## Data supplied
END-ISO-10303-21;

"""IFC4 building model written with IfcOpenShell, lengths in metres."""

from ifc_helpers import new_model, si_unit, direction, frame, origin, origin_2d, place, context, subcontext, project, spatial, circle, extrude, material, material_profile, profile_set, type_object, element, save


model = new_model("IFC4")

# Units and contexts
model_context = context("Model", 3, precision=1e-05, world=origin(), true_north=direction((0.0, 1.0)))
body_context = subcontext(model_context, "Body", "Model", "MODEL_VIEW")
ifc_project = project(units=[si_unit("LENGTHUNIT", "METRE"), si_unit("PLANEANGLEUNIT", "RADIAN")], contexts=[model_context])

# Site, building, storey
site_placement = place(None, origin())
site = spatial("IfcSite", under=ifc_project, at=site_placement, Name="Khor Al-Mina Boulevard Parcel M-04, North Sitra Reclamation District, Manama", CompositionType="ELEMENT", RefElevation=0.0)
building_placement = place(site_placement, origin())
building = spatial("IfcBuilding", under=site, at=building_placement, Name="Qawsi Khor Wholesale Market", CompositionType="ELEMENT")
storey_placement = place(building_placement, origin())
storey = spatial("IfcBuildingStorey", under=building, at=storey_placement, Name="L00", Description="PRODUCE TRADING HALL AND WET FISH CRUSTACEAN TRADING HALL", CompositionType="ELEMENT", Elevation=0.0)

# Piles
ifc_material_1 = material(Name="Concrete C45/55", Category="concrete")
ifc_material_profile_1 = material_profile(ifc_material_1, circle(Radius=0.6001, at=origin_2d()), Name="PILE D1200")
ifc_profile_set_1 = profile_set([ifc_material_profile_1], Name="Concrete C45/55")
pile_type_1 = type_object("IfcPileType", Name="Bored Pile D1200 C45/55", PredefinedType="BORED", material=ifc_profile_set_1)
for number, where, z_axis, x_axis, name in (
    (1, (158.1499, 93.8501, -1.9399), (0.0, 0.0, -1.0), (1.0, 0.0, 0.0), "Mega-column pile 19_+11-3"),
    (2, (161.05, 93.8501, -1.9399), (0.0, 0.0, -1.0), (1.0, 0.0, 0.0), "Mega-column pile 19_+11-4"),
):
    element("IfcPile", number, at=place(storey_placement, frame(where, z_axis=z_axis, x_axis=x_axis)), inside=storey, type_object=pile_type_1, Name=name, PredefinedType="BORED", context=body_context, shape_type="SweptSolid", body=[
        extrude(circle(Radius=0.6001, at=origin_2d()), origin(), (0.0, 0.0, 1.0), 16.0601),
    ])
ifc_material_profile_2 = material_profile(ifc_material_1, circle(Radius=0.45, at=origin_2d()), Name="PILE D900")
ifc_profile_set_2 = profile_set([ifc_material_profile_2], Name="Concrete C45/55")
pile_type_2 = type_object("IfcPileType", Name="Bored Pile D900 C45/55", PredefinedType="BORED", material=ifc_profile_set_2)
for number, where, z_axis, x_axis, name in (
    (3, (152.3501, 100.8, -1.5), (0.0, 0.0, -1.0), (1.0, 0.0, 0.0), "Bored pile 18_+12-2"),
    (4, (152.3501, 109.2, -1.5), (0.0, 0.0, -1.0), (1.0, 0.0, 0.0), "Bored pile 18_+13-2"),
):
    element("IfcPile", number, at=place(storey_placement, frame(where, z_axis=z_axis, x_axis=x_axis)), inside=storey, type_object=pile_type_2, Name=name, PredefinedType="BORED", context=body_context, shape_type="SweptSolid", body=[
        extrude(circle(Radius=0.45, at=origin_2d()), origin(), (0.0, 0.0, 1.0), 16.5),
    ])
--
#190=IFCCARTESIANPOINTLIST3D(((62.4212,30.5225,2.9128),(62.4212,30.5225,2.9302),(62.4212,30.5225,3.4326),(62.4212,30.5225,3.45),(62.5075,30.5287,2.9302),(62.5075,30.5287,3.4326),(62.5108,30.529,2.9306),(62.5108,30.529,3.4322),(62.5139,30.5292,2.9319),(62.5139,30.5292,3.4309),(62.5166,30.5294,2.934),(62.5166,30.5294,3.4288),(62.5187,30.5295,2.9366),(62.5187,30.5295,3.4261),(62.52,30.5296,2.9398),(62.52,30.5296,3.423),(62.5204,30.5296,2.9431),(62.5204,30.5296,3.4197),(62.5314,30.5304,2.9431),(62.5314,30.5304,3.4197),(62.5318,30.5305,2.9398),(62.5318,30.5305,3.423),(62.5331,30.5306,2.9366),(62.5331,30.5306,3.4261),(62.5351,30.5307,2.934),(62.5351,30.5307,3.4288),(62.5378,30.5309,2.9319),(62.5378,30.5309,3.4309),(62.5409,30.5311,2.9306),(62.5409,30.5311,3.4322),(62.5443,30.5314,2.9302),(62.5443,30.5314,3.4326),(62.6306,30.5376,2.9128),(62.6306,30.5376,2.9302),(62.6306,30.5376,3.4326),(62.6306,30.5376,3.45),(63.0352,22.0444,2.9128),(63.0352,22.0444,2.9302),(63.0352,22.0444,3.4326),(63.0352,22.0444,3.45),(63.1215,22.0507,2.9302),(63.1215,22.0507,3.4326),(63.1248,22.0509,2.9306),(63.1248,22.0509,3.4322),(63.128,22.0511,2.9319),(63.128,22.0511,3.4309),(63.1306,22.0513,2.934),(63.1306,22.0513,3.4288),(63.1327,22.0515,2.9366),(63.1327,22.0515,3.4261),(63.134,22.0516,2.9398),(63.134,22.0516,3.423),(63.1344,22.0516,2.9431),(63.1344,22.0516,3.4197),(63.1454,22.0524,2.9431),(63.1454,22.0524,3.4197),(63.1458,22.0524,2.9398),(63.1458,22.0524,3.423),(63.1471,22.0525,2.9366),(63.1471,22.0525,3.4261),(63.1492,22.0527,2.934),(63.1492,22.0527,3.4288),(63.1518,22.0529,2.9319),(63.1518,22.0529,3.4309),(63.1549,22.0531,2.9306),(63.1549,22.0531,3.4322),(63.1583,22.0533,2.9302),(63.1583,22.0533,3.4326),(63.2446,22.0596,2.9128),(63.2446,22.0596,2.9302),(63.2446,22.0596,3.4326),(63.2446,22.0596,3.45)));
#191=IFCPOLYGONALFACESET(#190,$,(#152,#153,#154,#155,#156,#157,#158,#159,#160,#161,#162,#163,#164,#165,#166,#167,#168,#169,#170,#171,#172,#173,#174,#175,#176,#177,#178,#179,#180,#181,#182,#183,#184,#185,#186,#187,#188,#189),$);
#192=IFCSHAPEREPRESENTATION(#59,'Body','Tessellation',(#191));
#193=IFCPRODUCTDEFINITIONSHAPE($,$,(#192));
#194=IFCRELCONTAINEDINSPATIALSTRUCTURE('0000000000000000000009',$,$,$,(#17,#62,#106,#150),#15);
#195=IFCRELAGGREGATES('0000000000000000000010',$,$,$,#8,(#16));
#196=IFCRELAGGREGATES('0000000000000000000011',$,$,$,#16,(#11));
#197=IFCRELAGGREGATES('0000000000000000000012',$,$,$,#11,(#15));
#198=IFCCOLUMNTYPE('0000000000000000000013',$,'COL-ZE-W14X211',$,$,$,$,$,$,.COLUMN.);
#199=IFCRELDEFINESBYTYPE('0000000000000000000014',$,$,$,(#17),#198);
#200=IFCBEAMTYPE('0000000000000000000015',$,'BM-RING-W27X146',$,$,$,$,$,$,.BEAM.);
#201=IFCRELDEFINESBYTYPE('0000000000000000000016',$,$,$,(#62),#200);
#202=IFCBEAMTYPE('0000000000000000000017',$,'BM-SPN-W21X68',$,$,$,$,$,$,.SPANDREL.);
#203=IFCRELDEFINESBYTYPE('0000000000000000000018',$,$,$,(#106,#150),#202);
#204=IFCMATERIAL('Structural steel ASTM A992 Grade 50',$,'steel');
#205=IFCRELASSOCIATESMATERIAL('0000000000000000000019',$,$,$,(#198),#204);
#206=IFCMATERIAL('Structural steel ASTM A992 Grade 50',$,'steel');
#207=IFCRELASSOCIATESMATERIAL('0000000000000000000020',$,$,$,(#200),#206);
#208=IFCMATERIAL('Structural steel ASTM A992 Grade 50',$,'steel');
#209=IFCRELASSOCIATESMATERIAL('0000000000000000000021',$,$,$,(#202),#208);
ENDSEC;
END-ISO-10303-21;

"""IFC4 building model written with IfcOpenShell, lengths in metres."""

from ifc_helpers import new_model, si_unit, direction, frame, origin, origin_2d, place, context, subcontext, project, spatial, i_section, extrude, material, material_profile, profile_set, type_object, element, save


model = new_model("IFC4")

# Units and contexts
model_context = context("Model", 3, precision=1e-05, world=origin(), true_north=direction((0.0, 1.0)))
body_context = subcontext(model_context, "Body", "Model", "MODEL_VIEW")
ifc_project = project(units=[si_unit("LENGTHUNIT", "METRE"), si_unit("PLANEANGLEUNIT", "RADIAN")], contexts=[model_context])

## What to do
In the material above, find each line that contains the word "IFCRELASSOCIATESMATERIAL", and select it.

## Solution for this task
#205=IFCRELASSOCIATESMATERIAL('0000000000000000000019',$,$,$,(#198),#204);
#207=IFCRELASSOCIATESMATERIAL('0000000000000000000020',$,$,$,(#200),#206);
#209=IFCRELASSOCIATESMATERIAL('0000000000000000000021',$,$,$,(#202),#208);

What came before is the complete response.